[REQUIRED WORK]: Look below for the line containing "#17=IFCRAILING('0000000000000000000005',$,'L13 ST3 stair"; from there through the line containing "#24=IFCINDEXEDPOLYGONALFACE((4,6,27,25));", both lines included, please set down each line exactly and nothing else.

****************************************

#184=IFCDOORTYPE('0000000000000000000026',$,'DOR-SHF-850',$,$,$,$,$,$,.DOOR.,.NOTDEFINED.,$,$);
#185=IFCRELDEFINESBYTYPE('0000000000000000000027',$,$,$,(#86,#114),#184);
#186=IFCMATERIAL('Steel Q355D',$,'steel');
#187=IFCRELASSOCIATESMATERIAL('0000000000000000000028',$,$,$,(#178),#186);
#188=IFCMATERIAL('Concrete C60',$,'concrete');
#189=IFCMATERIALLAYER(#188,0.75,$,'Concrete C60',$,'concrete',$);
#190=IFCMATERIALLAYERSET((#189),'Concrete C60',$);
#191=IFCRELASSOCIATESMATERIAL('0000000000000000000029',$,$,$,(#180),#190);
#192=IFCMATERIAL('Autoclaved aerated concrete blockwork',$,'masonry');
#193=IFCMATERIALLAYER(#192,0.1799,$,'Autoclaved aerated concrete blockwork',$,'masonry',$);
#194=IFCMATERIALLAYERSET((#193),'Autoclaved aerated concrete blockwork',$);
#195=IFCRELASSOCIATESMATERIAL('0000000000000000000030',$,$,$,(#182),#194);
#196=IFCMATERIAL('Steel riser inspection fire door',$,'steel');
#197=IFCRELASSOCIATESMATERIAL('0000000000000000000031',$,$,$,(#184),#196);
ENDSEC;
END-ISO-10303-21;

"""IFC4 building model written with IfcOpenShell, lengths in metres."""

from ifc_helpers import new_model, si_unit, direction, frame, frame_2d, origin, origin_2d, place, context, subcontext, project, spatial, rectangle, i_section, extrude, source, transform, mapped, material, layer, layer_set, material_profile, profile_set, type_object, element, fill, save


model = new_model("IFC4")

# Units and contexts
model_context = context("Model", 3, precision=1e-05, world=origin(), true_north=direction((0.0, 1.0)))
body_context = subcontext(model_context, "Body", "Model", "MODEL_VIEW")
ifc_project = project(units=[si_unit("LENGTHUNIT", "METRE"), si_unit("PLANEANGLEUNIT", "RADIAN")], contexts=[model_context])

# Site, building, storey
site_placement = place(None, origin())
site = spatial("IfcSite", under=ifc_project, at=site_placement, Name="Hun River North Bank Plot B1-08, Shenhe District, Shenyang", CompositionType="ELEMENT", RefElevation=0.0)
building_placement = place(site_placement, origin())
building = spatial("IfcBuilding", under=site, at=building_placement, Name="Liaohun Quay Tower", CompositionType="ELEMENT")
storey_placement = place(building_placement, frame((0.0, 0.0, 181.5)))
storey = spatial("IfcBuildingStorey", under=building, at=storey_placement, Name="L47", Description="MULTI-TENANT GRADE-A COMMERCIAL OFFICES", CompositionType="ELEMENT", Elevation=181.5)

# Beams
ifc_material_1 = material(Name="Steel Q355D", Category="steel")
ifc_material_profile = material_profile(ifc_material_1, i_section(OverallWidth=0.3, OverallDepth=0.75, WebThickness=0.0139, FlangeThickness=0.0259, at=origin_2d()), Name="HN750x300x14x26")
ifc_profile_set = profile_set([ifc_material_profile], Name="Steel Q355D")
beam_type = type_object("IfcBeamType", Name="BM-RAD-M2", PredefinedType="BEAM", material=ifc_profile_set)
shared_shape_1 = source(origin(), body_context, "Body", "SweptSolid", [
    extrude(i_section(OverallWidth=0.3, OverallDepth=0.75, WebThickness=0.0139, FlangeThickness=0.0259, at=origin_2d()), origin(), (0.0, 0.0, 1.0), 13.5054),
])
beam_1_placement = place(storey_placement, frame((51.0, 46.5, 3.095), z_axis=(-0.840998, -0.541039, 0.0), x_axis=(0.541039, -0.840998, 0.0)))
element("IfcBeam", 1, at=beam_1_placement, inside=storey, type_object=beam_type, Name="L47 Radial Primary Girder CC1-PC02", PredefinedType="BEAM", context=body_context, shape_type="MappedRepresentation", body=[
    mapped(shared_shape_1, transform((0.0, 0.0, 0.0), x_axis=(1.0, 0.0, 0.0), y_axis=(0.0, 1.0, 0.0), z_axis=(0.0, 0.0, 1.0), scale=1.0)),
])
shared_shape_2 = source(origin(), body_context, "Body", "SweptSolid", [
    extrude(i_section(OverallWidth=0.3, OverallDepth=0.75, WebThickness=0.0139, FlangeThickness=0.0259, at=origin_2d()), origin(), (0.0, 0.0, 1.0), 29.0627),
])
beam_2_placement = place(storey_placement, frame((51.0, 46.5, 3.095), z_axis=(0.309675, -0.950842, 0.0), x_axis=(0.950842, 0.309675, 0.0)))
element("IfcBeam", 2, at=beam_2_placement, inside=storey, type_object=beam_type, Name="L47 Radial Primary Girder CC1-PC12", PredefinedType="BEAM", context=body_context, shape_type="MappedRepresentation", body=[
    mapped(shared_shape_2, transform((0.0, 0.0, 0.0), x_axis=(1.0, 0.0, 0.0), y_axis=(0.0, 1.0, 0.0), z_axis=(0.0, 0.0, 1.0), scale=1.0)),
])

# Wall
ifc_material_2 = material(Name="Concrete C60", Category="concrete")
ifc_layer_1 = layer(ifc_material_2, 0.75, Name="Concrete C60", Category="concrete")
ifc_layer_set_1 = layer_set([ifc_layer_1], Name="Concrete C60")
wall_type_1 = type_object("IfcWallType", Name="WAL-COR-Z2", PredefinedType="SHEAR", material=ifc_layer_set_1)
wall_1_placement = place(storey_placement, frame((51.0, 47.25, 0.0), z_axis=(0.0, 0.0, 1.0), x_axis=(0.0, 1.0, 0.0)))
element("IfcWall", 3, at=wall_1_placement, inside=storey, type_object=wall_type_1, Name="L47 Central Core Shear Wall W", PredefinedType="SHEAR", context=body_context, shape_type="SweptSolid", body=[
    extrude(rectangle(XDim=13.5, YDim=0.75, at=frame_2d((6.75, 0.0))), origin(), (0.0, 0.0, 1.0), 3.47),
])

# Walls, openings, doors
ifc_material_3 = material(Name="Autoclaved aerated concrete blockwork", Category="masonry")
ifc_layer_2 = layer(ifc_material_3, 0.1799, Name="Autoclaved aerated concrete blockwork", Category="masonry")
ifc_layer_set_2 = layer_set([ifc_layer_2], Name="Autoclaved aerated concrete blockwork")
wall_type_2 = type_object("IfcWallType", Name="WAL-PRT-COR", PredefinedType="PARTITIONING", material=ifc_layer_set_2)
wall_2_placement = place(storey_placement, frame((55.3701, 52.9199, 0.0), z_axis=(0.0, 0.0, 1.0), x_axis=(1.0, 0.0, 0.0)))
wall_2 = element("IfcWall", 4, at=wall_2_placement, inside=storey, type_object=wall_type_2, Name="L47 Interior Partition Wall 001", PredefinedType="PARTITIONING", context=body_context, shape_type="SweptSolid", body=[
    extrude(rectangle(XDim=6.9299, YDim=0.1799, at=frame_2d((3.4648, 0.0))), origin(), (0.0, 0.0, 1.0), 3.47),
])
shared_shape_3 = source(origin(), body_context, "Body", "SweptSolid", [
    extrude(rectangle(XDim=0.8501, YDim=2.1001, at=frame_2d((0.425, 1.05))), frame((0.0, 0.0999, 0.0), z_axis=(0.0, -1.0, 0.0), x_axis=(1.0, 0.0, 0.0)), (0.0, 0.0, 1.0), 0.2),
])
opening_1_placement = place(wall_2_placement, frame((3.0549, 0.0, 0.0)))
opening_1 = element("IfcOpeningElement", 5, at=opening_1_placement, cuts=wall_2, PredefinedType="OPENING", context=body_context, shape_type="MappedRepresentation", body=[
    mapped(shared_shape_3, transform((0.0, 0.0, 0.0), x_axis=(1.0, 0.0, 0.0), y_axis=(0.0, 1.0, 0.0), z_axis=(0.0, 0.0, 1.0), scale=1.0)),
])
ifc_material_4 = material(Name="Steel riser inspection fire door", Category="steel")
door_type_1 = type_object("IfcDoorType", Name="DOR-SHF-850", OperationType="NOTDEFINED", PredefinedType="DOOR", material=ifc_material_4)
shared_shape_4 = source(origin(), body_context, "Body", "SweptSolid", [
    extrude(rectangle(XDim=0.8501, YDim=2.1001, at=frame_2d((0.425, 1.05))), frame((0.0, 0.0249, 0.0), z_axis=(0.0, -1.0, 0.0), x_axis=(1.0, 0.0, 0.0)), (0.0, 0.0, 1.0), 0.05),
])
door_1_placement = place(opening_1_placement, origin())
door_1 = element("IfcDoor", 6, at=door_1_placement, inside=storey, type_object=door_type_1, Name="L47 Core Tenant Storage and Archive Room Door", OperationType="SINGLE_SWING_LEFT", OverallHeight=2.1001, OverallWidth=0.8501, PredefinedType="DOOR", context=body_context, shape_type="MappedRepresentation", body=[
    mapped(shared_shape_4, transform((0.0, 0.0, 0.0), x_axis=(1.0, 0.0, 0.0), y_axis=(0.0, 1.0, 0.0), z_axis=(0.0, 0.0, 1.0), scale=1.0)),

****************************************

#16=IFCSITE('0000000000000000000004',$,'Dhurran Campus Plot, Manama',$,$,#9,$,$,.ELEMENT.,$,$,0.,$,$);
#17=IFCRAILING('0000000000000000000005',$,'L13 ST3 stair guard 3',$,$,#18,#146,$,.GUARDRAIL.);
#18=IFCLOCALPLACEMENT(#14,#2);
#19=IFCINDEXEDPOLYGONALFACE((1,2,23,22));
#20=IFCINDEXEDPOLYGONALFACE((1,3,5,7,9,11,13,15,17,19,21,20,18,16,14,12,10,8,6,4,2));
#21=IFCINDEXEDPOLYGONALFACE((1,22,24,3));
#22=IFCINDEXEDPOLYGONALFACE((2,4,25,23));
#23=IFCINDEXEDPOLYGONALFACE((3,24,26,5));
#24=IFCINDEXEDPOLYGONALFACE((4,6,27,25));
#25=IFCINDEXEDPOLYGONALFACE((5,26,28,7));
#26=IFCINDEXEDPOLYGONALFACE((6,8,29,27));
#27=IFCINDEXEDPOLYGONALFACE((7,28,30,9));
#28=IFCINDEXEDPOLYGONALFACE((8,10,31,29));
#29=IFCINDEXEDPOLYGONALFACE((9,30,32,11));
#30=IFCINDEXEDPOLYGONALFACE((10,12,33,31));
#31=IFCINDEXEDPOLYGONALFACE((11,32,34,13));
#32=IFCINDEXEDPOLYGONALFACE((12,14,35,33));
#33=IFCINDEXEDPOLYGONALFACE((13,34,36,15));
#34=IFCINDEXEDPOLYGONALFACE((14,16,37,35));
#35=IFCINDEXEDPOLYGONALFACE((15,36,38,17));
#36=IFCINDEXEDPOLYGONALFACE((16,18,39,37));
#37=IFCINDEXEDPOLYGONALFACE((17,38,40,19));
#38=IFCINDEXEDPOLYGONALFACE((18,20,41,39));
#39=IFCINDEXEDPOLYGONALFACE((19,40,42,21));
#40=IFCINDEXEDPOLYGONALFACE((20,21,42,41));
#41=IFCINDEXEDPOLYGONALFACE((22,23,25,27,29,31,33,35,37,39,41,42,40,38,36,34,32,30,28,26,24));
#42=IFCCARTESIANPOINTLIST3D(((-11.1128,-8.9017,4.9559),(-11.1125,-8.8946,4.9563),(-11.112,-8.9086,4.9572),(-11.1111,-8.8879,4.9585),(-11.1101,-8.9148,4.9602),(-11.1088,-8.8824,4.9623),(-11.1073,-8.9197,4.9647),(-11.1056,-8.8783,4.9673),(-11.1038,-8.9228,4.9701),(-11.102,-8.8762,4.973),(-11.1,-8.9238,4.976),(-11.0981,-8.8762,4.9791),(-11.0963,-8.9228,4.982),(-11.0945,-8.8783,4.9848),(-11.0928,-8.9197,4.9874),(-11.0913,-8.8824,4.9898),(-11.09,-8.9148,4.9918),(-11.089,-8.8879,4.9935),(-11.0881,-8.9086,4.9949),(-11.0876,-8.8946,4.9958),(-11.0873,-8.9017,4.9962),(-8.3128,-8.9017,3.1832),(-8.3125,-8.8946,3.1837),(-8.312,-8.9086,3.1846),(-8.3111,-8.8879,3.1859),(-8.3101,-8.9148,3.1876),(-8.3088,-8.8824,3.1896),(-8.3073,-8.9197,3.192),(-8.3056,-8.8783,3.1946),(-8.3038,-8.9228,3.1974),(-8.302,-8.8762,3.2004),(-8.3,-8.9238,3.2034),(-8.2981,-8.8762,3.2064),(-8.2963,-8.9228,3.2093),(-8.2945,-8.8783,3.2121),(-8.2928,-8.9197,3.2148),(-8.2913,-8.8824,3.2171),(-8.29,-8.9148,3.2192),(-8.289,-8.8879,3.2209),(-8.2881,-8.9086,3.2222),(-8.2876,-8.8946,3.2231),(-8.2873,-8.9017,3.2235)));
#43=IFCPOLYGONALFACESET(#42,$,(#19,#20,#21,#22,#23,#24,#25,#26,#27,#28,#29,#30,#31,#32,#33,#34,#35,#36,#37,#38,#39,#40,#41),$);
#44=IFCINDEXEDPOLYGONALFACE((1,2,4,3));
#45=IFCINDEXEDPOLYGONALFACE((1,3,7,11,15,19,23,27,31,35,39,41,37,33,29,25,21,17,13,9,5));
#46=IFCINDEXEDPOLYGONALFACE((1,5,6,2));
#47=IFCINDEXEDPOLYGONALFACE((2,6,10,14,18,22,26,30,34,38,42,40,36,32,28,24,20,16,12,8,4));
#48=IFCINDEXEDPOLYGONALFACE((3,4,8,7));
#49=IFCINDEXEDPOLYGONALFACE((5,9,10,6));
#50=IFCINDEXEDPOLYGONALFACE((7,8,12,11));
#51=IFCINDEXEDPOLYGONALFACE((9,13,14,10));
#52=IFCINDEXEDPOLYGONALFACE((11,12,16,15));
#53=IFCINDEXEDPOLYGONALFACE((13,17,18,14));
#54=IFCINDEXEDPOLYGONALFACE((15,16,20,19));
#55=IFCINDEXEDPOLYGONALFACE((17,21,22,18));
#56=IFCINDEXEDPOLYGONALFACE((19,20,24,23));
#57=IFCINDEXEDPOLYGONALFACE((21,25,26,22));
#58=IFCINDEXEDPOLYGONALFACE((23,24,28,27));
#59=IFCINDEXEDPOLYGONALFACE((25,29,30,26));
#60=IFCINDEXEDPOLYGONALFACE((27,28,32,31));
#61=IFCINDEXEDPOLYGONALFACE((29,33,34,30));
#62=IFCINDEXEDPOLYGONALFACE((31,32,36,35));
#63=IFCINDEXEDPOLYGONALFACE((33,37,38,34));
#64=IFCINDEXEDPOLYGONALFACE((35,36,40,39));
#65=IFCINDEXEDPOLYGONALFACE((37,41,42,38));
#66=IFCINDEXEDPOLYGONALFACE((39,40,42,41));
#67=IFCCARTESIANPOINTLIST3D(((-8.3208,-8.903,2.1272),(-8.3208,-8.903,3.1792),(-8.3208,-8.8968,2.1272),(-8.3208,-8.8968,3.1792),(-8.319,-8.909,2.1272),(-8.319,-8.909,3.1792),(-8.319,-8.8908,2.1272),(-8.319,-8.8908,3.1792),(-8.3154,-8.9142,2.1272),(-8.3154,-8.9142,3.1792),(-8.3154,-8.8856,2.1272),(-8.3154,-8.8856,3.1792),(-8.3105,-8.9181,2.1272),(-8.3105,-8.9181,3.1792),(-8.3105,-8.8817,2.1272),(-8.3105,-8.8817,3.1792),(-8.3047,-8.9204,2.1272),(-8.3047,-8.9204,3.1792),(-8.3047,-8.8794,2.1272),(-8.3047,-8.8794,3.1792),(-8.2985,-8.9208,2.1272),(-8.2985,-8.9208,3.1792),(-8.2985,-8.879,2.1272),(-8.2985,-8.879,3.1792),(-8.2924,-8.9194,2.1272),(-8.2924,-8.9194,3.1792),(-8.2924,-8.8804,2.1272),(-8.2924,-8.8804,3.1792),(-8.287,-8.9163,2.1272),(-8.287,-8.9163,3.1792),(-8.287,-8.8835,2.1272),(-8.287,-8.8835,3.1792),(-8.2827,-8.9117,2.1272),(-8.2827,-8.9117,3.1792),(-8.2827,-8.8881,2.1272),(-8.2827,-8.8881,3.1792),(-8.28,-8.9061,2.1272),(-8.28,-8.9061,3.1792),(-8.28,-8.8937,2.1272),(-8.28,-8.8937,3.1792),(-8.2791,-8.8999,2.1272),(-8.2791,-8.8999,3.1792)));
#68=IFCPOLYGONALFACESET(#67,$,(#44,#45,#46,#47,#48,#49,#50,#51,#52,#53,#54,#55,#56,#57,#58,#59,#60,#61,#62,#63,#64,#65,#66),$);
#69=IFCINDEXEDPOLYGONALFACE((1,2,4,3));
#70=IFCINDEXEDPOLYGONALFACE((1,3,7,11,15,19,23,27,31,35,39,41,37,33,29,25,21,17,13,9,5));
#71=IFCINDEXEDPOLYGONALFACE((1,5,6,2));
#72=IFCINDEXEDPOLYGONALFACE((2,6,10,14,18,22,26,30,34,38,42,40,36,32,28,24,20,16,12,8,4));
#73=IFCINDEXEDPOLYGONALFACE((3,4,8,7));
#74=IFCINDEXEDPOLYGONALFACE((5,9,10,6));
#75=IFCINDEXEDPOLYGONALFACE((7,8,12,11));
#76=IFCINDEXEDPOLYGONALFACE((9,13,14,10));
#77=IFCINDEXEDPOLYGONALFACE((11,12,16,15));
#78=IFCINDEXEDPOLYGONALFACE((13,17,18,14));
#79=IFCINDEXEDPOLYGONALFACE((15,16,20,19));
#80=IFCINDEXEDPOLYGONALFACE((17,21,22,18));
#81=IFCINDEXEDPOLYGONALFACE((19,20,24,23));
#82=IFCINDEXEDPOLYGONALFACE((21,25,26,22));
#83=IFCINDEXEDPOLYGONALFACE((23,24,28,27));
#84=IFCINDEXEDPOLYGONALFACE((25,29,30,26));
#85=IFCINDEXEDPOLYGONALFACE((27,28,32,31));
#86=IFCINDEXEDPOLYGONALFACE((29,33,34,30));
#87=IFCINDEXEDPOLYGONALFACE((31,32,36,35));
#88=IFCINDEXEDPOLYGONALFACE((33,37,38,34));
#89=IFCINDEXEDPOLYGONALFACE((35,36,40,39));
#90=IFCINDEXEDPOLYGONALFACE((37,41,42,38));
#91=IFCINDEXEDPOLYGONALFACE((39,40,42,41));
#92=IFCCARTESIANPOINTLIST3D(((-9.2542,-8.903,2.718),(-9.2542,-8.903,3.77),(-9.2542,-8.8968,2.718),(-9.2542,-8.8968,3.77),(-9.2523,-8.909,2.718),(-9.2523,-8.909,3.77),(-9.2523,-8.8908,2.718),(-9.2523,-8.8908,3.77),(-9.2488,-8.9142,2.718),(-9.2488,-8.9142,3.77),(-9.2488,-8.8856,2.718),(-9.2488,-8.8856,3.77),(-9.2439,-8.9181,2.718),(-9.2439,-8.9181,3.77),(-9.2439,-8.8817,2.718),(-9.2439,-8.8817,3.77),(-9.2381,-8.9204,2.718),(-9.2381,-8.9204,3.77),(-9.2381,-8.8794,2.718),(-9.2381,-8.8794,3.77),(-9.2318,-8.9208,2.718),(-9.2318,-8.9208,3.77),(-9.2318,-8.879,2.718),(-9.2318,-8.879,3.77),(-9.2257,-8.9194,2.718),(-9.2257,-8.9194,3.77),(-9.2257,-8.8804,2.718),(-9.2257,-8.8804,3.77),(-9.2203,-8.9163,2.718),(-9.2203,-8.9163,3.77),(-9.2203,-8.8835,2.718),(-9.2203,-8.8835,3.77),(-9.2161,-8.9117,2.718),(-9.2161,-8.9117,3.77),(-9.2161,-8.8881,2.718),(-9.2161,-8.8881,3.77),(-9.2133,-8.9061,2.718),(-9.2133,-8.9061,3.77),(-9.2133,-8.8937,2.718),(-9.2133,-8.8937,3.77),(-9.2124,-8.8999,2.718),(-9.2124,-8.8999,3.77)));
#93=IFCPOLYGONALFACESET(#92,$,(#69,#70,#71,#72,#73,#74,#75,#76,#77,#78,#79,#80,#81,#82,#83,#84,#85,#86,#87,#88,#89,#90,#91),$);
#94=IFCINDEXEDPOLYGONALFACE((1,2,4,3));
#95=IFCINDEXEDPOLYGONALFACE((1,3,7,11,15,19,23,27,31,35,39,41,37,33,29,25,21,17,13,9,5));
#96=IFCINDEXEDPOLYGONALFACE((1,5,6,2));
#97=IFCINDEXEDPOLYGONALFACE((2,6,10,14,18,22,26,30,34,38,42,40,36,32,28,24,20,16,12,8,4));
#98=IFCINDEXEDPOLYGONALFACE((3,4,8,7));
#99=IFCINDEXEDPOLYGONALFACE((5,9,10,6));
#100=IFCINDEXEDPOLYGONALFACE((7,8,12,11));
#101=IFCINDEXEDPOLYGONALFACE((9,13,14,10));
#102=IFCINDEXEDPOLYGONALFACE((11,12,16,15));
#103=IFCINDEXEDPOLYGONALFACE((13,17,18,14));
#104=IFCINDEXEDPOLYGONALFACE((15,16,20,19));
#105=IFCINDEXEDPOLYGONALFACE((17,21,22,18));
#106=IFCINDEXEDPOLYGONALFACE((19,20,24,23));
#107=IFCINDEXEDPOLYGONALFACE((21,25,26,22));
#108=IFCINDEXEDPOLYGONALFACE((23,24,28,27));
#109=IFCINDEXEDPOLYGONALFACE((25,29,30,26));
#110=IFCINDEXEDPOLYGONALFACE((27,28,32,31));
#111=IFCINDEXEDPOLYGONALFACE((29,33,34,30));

****************************************

[SOLUTION TO THE EXERCISE]:
#17=IFCRAILING('0000000000000000000005',$,'L13 ST3 stair guard 3',$,$,#18,#146,$,.GUARDRAIL.);
#18=IFCLOCALPLACEMENT(#14,#2);
#19=IFCINDEXEDPOLYGONALFACE((1,2,23,22));
#20=IFCINDEXEDPOLYGONALFACE((1,3,5,7,9,11,13,15,17,19,21,20,18,16,14,12,10,8,6,4,2));
#21=IFCINDEXEDPOLYGONALFACE((1,22,24,3));
#22=IFCINDEXEDPOLYGONALFACE((2,4,25,23));
#23=IFCINDEXEDPOLYGONALFACE((3,24,26,5));
#24=IFCINDEXEDPOLYGONALFACE((4,6,27,25));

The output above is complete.